[Provided records]
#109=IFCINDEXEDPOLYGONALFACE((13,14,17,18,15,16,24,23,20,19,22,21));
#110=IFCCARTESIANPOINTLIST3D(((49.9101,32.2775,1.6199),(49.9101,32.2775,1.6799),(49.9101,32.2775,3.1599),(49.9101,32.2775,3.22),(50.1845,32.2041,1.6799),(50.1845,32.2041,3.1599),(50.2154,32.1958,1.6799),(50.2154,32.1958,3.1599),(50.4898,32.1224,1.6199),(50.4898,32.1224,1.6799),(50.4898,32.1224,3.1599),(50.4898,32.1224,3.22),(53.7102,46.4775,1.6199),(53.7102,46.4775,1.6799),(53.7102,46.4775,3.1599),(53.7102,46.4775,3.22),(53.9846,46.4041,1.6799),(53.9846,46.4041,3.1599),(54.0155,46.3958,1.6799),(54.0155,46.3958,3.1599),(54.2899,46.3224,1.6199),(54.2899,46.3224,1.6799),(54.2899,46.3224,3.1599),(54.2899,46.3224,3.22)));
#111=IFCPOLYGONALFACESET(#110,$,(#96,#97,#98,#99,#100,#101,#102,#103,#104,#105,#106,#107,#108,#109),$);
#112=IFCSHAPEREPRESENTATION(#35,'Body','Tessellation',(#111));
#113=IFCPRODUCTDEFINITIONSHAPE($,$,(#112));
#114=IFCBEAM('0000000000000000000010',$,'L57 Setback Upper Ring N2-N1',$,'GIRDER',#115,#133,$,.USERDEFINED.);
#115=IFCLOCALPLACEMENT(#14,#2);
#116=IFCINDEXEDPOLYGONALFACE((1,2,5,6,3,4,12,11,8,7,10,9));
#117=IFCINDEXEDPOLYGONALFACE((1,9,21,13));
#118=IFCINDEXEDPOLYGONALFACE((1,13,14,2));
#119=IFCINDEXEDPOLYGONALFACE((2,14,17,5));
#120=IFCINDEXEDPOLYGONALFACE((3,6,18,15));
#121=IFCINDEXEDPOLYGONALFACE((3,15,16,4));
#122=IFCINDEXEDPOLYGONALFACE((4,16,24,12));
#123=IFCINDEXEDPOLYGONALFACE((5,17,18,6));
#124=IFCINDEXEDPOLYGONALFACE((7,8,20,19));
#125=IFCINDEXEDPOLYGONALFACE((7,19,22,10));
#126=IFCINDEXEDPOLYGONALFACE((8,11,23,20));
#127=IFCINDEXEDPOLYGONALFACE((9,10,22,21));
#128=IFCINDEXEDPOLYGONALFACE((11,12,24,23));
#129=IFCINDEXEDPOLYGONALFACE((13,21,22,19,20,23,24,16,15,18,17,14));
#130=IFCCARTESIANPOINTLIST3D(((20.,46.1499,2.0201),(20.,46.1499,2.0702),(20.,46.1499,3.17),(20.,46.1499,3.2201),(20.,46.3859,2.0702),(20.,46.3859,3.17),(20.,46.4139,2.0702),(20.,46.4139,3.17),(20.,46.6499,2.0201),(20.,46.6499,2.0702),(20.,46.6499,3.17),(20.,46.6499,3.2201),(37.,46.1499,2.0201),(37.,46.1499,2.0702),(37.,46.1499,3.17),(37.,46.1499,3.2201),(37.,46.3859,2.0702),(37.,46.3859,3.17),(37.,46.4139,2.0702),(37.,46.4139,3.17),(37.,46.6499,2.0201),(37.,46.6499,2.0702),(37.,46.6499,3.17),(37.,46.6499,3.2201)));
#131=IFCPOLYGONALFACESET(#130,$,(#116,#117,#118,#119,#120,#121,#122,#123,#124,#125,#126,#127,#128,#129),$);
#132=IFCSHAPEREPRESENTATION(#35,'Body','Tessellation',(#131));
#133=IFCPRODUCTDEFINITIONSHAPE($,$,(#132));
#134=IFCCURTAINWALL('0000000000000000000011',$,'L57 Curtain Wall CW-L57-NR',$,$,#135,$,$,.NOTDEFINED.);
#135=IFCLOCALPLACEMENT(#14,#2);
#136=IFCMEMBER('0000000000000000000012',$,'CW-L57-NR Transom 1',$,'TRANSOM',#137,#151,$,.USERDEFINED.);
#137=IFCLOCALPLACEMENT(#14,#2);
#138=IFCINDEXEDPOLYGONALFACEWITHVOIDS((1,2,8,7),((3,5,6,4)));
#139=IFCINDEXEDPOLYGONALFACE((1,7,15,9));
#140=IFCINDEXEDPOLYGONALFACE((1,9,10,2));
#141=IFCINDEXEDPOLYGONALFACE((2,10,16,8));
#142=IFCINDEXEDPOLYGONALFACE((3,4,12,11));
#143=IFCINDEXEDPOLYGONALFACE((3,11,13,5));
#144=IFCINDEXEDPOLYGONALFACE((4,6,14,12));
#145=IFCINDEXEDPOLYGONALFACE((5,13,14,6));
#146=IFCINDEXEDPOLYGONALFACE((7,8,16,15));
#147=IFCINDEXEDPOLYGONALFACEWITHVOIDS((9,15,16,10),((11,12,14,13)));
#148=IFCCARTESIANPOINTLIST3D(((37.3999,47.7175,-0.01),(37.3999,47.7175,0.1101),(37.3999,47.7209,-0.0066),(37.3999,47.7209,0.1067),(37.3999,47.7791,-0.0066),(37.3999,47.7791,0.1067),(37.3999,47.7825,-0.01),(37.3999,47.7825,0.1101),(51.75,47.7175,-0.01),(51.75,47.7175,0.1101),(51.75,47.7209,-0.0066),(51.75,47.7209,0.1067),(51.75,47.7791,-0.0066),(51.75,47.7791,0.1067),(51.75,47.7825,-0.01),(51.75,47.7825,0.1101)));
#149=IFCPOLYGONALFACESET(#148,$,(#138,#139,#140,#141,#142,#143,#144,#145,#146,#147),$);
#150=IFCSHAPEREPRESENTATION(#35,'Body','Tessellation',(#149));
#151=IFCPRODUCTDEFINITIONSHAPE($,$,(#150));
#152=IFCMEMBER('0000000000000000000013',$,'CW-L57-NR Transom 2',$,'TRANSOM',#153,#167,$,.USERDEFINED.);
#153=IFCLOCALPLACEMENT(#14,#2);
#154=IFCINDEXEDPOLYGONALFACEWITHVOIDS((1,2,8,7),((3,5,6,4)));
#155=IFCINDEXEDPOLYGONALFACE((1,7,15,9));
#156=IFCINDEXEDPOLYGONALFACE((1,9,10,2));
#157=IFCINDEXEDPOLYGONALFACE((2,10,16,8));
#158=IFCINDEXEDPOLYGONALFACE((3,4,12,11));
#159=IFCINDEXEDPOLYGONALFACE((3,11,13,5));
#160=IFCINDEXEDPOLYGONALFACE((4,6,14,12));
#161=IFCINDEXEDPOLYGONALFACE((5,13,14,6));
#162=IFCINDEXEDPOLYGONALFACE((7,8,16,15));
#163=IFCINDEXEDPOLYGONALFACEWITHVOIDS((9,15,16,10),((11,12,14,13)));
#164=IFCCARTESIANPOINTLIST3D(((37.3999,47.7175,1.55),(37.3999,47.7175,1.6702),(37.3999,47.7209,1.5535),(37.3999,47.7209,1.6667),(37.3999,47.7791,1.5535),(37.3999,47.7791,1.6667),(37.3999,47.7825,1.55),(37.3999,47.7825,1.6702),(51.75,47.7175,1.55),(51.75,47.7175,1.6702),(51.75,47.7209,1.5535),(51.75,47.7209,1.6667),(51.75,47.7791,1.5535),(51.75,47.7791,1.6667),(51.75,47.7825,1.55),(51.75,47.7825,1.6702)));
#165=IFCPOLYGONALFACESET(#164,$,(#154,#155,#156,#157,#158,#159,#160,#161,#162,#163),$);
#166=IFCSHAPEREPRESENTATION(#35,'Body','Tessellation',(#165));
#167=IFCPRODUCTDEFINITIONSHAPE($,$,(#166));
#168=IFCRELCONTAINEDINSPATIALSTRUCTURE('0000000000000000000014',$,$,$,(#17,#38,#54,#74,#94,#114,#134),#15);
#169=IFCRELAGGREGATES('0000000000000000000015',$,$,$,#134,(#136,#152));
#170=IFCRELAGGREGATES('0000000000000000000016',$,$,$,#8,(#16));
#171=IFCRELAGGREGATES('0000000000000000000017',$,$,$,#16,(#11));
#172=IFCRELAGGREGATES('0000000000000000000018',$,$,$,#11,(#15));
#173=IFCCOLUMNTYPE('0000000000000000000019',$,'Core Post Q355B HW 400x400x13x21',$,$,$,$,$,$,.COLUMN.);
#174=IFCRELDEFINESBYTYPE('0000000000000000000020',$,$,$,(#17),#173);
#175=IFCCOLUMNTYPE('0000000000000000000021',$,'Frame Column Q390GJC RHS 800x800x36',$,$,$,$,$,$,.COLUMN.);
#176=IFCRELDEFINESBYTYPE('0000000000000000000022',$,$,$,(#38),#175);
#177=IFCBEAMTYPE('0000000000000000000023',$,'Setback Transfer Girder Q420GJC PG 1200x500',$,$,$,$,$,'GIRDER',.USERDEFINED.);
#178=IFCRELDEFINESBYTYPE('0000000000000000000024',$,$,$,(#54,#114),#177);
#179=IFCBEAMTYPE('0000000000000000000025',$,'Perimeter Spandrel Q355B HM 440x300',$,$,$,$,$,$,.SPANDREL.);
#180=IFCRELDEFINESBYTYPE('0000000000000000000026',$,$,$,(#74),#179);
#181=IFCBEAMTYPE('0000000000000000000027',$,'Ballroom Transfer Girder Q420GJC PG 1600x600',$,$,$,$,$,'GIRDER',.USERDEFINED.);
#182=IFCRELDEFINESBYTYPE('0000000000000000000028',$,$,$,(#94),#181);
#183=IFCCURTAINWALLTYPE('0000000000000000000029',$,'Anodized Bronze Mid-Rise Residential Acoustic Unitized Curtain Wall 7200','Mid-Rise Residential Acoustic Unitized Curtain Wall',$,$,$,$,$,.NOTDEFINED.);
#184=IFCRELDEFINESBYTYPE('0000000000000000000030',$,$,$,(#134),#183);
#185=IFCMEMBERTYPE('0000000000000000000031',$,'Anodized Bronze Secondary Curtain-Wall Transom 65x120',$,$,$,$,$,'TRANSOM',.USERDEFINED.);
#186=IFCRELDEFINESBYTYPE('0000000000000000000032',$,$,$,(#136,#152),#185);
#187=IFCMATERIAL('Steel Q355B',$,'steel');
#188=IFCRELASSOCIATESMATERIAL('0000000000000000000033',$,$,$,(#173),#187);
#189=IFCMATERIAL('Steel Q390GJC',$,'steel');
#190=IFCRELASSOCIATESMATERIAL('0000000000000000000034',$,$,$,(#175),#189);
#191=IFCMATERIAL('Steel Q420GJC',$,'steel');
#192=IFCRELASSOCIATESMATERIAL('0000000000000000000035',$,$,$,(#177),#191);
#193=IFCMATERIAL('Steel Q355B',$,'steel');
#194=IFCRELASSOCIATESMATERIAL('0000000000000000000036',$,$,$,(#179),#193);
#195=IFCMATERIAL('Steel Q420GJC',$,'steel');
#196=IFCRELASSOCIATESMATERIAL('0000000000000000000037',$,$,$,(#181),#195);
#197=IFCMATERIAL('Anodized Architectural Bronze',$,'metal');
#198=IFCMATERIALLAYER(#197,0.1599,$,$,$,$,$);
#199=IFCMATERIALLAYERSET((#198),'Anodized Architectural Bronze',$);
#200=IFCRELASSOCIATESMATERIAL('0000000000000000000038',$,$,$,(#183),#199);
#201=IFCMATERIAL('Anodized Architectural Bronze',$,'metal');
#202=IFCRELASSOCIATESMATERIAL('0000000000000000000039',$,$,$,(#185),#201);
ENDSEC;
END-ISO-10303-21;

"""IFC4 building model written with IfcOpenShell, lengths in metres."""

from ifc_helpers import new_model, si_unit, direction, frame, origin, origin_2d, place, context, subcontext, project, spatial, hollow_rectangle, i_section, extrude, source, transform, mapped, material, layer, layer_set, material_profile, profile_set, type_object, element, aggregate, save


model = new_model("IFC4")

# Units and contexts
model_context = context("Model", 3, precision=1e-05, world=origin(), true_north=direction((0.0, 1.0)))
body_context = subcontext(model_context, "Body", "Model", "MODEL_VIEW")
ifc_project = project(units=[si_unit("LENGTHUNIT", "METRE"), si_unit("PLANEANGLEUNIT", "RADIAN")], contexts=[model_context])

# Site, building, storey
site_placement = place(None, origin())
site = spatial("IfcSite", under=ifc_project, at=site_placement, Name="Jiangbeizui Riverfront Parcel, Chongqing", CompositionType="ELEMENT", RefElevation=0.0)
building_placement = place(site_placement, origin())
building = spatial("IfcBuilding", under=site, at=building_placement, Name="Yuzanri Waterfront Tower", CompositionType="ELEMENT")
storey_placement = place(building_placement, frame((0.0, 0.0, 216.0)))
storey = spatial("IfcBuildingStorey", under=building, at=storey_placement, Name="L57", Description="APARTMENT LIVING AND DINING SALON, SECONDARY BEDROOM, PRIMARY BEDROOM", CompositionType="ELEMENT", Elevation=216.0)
[/Provided records]
[Work to be completed] Working from the data above, extract solely the lines from the one containing "#191=IFCMATERIAL('Steel Q420GJC',$,'steel');" through the one containing "# Site, building, storey", exactly as they appear, both included.

[Answer box]
#191=IFCMATERIAL('Steel Q420GJC',$,'steel');
#192=IFCRELASSOCIATESMATERIAL('0000000000000000000035',$,$,$,(#177),#191);
#193=IFCMATERIAL('Steel Q355B',$,'steel');
#194=IFCRELASSOCIATESMATERIAL('0000000000000000000036',$,$,$,(#179),#193);
#195=IFCMATERIAL('Steel Q420GJC',$,'steel');
#196=IFCRELASSOCIATESMATERIAL('0000000000000000000037',$,$,$,(#181),#195);
#197=IFCMATERIAL('Anodized Architectural Bronze',$,'metal');
#198=IFCMATERIALLAYER(#197,0.1599,$,$,$,$,$);
#199=IFCMATERIALLAYERSET((#198),'Anodized Architectural Bronze',$);
#200=IFCRELASSOCIATESMATERIAL('0000000000000000000038',$,$,$,(#183),#199);
#201=IFCMATERIAL('Anodized Architectural Bronze',$,'metal');
#202=IFCRELASSOCIATESMATERIAL('0000000000000000000039',$,$,$,(#185),#201);
ENDSEC;
END-ISO-10303-21;

"""IFC4 building model written with IfcOpenShell, lengths in metres."""

from ifc_helpers import new_model, si_unit, direction, frame, origin, origin_2d, place, context, subcontext, project, spatial, hollow_rectangle, i_section, extrude, source, transform, mapped, material, layer, layer_set, material_profile, profile_set, type_object, element, aggregate, save


model = new_model("IFC4")

# Units and contexts
model_context = context("Model", 3, precision=1e-05, world=origin(), true_north=direction((0.0, 1.0)))
body_context = subcontext(model_context, "Body", "Model", "MODEL_VIEW")
ifc_project = project(units=[si_unit("LENGTHUNIT", "METRE"), si_unit("PLANEANGLEUNIT", "RADIAN")], contexts=[model_context])

# Site, building, storey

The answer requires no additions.